DESCRIPTION OF THE TASK — From the data below, repeat exactly the lines from the line with "#13=IFCAXIS2PLACEMENT3D(#12,$,$);" to the line with "#181=IFCINDEXEDPOLYGONALFACE((13,15,16,14));", both included.

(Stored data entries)
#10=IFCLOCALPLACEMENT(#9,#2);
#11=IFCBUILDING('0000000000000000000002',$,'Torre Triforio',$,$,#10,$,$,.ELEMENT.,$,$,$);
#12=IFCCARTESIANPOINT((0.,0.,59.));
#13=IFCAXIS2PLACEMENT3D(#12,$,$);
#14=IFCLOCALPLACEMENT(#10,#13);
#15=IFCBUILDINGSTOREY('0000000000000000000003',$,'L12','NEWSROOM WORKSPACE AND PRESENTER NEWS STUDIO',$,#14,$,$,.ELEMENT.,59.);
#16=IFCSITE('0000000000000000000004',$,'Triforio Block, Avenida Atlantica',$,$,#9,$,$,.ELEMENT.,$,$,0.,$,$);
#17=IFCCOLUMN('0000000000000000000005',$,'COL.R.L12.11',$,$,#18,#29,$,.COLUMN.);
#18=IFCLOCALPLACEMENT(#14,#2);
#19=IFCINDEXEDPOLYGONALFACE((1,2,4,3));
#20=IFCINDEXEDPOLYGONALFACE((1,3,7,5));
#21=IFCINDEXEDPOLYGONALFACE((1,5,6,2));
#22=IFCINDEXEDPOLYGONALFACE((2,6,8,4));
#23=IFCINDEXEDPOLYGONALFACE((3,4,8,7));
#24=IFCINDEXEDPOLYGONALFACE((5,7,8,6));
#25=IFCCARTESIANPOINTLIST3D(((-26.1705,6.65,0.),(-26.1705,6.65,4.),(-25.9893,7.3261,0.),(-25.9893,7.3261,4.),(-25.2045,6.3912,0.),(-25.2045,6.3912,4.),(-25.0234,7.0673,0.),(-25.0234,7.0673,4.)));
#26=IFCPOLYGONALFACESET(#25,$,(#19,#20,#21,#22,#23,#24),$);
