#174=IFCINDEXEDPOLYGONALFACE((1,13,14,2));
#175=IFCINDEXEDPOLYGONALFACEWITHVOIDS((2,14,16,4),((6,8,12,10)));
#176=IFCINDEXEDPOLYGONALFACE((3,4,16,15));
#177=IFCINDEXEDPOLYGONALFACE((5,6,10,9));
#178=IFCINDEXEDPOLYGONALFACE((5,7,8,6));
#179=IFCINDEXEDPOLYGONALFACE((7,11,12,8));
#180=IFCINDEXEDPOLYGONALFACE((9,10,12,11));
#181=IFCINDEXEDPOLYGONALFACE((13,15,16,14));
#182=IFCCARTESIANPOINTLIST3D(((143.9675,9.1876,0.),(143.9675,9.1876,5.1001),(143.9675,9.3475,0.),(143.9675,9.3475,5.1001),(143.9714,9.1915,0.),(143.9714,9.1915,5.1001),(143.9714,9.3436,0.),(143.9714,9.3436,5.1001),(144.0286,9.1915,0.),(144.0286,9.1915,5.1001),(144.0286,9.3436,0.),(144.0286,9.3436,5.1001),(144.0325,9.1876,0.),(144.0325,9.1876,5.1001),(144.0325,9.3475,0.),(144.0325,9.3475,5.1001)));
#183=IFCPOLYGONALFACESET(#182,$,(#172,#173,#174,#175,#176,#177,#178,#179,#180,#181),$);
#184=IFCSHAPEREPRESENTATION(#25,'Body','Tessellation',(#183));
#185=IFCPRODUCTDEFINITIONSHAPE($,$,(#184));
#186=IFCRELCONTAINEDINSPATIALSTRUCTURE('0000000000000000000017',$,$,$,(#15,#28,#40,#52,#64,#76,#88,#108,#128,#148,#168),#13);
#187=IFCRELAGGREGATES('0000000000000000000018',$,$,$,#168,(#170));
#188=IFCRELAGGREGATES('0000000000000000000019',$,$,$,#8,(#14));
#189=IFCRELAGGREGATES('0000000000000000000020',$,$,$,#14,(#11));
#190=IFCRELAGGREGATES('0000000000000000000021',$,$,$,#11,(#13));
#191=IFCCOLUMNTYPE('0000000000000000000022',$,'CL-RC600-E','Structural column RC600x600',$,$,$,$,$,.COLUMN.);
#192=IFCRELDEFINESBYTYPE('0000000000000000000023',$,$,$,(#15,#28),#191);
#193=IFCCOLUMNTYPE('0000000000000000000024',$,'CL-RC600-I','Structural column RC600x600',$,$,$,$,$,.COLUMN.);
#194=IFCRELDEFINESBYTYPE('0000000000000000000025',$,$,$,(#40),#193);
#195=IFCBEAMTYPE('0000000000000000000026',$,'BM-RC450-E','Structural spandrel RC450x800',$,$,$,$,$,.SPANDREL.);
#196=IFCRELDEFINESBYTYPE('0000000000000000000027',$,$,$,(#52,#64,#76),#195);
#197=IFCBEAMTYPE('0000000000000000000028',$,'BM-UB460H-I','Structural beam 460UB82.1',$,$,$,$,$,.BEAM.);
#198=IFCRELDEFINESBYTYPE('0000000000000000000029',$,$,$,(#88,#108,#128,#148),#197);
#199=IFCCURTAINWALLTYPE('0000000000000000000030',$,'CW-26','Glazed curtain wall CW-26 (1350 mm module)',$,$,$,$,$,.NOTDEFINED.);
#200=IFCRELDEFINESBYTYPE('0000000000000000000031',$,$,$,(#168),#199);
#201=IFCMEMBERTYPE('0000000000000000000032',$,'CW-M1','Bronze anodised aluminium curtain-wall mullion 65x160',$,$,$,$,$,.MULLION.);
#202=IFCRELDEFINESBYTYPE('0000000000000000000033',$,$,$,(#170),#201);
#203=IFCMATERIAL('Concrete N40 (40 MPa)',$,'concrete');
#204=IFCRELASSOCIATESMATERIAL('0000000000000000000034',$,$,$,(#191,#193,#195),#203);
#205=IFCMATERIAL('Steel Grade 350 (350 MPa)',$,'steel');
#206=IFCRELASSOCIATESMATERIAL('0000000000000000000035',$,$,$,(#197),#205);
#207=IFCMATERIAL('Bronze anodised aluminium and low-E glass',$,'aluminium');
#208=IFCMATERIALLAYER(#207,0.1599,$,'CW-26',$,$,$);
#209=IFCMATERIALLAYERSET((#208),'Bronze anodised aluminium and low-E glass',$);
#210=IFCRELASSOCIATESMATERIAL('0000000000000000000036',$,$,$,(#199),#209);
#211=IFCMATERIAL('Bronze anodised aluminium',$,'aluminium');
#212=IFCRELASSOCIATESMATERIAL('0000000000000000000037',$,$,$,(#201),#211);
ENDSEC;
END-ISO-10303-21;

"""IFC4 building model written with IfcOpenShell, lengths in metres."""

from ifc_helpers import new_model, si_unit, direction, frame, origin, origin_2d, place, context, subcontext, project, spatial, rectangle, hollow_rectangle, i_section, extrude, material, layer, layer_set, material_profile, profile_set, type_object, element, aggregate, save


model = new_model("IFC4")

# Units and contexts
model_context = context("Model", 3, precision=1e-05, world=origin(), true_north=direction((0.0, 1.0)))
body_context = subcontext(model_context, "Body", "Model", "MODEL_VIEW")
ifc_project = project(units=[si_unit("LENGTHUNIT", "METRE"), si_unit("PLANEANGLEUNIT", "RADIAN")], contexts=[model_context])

WORKED SOLUTION —
#13=IFCAXIS2PLACEMENT3D(#12,$,$);
#14=IFCLOCALPLACEMENT(#10,#13);
#15=IFCBUILDINGSTOREY('0000000000000000000003',$,'L12','NEWSROOM WORKSPACE AND PRESENTER NEWS STUDIO',$,#14,$,$,.ELEMENT.,59.);
#16=IFCSITE('0000000000000000000004',$,'Triforio Block, Avenida Atlantica',$,$,#9,$,$,.ELEMENT.,$,$,0.,$,$);
#17=IFCCOLUMN('0000000000000000000005',$,'COL.R.L12.11',$,$,#18,#29,$,.COLUMN.);
#18=IFCLOCALPLACEMENT(#14,#2);
#19=IFCINDEXEDPOLYGONALFACE((1,2,4,3));
#20=IFCINDEXEDPOLYGONALFACE((1,3,7,5));
#21=IFCINDEXEDPOLYGONALFACE((1,5,6,2));
#22=IFCINDEXEDPOLYGONALFACE((2,6,8,4));
#23=IFCINDEXEDPOLYGONALFACE((3,4,8,7));
#24=IFCINDEXEDPOLYGONALFACE((5,7,8,6));
#25=IFCCARTESIANPOINTLIST3D(((-26.1705,6.65,0.),(-26.1705,6.65,4.),(-25.9893,7.3261,0.),(-25.9893,7.3261,4.),(-25.2045,6.3912,0.),(-25.2045,6.3912,4.),(-25.0234,7.0673,0.),(-25.0234,7.0673,4.)));
#26=IFCPOLYGONALFACESET(#25,$,(#19,#20,#21,#22,#23,#24),$);
#174=IFCINDEXEDPOLYGONALFACE((1,13,14,2));
#175=IFCINDEXEDPOLYGONALFACEWITHVOIDS((2,14,16,4),((6,8,12,10)));
#176=IFCINDEXEDPOLYGONALFACE((3,4,16,15));
#177=IFCINDEXEDPOLYGONALFACE((5,6,10,9));
#178=IFCINDEXEDPOLYGONALFACE((5,7,8,6));
#179=IFCINDEXEDPOLYGONALFACE((7,11,12,8));
#180=IFCINDEXEDPOLYGONALFACE((9,10,12,11));
#181=IFCINDEXEDPOLYGONALFACE((13,15,16,14));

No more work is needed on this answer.